Material to process
● ● ●

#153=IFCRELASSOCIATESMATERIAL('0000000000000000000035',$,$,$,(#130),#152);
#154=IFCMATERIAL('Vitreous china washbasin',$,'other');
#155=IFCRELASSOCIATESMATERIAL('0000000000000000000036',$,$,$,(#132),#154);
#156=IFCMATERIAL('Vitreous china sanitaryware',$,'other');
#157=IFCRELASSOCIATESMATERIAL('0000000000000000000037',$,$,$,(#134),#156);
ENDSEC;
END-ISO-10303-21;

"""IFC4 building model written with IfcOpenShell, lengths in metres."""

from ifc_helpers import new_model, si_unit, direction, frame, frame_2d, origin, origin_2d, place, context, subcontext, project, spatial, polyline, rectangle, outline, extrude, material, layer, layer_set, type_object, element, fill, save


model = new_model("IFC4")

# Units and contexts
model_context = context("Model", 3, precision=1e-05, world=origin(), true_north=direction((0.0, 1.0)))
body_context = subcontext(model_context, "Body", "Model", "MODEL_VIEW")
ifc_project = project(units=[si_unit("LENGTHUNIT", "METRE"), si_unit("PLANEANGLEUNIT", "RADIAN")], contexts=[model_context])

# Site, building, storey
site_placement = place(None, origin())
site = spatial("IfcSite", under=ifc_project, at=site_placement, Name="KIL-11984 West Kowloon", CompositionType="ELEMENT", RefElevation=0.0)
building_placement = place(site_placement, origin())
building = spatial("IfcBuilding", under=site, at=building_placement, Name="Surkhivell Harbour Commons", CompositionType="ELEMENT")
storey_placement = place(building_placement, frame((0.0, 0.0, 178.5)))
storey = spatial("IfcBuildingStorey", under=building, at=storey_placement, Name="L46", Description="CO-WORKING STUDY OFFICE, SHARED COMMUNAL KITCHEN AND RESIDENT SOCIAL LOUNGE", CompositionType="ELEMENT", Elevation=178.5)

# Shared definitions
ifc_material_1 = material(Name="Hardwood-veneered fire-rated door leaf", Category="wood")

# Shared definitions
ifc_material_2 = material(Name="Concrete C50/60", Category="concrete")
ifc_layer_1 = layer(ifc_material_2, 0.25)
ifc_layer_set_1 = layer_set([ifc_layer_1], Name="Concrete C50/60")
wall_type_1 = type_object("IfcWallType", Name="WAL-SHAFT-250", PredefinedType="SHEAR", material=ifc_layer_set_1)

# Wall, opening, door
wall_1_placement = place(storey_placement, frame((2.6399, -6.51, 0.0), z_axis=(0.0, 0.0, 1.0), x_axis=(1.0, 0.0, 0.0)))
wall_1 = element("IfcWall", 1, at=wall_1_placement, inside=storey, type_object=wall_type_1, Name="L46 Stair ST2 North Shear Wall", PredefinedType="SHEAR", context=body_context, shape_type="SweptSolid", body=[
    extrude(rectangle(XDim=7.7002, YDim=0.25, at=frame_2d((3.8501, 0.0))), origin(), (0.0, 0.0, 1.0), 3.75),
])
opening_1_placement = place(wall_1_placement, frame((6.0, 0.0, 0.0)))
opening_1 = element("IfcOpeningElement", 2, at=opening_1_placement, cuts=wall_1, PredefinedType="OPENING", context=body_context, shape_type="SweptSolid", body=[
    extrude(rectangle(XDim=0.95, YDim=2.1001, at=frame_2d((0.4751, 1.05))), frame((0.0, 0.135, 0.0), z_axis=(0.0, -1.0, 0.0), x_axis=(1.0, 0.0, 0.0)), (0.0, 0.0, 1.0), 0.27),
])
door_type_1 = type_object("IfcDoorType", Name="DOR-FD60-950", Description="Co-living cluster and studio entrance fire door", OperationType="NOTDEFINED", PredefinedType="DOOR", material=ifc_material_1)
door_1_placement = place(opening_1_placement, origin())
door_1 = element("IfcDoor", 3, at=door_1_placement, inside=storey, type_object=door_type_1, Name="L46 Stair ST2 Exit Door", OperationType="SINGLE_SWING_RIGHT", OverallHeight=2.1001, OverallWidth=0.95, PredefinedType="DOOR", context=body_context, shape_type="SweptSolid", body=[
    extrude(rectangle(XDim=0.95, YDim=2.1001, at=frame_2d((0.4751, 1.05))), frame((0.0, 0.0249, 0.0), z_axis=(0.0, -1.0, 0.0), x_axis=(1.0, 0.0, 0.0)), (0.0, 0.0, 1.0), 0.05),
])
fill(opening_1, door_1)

● ● ●

Your task is to list each line of the records with the word "extrude".

from ifc_helpers import new_model, si_unit, direction, frame, frame_2d, origin, origin_2d, place, context, subcontext, project, spatial, polyline, rectangle, outline, extrude, material, layer, layer_set, type_object, element, fill, save
    extrude(rectangle(XDim=7.7002, YDim=0.25, at=frame_2d((3.8501, 0.0))), origin(), (0.0, 0.0, 1.0), 3.75),
    extrude(rectangle(XDim=0.95, YDim=2.1001, at=frame_2d((0.4751, 1.05))), frame((0.0, 0.135, 0.0), z_axis=(0.0, -1.0, 0.0), x_axis=(1.0, 0.0, 0.0)), (0.0, 0.0, 1.0), 0.27),
    extrude(rectangle(XDim=0.95, YDim=2.1001, at=frame_2d((0.4751, 1.05))), frame((0.0, 0.0249, 0.0), z_axis=(0.0, -1.0, 0.0), x_axis=(1.0, 0.0, 0.0)), (0.0, 0.0, 1.0), 0.05),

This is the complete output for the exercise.